(Directions):
Return, exactly as written, every line from the first line of the data below through the line that contains "object (cls), such".
START Data shown
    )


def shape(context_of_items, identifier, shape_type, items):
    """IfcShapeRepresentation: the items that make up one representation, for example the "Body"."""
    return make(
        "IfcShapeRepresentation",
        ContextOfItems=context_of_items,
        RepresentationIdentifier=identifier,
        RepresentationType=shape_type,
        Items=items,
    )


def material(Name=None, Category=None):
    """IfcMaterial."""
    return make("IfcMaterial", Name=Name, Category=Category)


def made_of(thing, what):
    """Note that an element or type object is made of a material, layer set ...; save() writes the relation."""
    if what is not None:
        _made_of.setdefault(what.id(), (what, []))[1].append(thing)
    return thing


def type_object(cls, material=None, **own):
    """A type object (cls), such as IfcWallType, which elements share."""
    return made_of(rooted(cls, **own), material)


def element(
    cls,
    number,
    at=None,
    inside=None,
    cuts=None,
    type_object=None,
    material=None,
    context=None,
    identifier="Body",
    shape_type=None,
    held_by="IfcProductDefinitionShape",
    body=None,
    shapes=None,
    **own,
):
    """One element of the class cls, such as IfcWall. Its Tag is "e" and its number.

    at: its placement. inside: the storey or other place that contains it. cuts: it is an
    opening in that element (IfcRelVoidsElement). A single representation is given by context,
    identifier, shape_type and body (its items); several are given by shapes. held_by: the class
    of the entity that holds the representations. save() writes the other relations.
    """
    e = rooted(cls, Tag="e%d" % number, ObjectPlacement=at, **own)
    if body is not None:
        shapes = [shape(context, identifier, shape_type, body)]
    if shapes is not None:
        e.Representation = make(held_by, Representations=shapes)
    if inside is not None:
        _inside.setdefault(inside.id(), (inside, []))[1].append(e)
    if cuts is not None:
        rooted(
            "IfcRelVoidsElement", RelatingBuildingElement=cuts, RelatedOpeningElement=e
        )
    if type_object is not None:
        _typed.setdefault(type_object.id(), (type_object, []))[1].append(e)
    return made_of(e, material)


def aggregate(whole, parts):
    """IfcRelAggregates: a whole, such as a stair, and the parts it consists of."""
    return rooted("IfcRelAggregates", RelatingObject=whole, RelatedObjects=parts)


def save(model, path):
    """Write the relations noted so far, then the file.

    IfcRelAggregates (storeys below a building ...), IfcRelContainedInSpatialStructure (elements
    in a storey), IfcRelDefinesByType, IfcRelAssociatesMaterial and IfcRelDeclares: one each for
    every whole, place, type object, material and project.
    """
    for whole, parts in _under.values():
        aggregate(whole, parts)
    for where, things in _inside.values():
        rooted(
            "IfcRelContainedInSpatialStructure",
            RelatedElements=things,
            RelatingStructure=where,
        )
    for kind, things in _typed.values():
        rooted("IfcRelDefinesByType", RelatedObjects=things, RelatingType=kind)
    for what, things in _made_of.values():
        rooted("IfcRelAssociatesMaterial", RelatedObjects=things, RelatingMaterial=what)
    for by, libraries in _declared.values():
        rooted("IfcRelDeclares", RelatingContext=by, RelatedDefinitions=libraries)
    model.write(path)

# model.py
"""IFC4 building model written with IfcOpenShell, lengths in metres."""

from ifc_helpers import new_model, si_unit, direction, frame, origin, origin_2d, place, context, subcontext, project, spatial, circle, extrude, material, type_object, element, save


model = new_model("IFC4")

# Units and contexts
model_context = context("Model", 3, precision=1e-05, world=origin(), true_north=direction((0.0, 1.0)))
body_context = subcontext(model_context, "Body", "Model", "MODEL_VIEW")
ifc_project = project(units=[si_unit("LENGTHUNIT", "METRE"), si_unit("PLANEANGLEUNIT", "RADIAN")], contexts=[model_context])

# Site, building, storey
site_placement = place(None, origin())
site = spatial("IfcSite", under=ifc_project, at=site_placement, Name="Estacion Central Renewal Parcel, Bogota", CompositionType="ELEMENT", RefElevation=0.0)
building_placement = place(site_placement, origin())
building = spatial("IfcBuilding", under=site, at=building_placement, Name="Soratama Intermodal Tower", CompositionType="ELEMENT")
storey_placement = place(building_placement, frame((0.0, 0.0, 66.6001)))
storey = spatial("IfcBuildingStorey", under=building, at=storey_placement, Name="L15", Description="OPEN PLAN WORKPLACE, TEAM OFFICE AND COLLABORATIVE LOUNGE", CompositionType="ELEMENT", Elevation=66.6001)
END Data shown
(Response to this exercise):
    )


def shape(context_of_items, identifier, shape_type, items):
    """IfcShapeRepresentation: the items that make up one representation, for example the "Body"."""
    return make(
        "IfcShapeRepresentation",
        ContextOfItems=context_of_items,
        RepresentationIdentifier=identifier,
        RepresentationType=shape_type,
        Items=items,
    )


def material(Name=None, Category=None):
    """IfcMaterial."""
    return make("IfcMaterial", Name=Name, Category=Category)


def made_of(thing, what):
    """Note that an element or type object is made of a material, layer set ...; save() writes the relation."""
    if what is not None:
        _made_of.setdefault(what.id(), (what, []))[1].append(thing)
    return thing


def type_object(cls, material=None, **own):
    """A type object (cls), such as IfcWallType, which elements share."""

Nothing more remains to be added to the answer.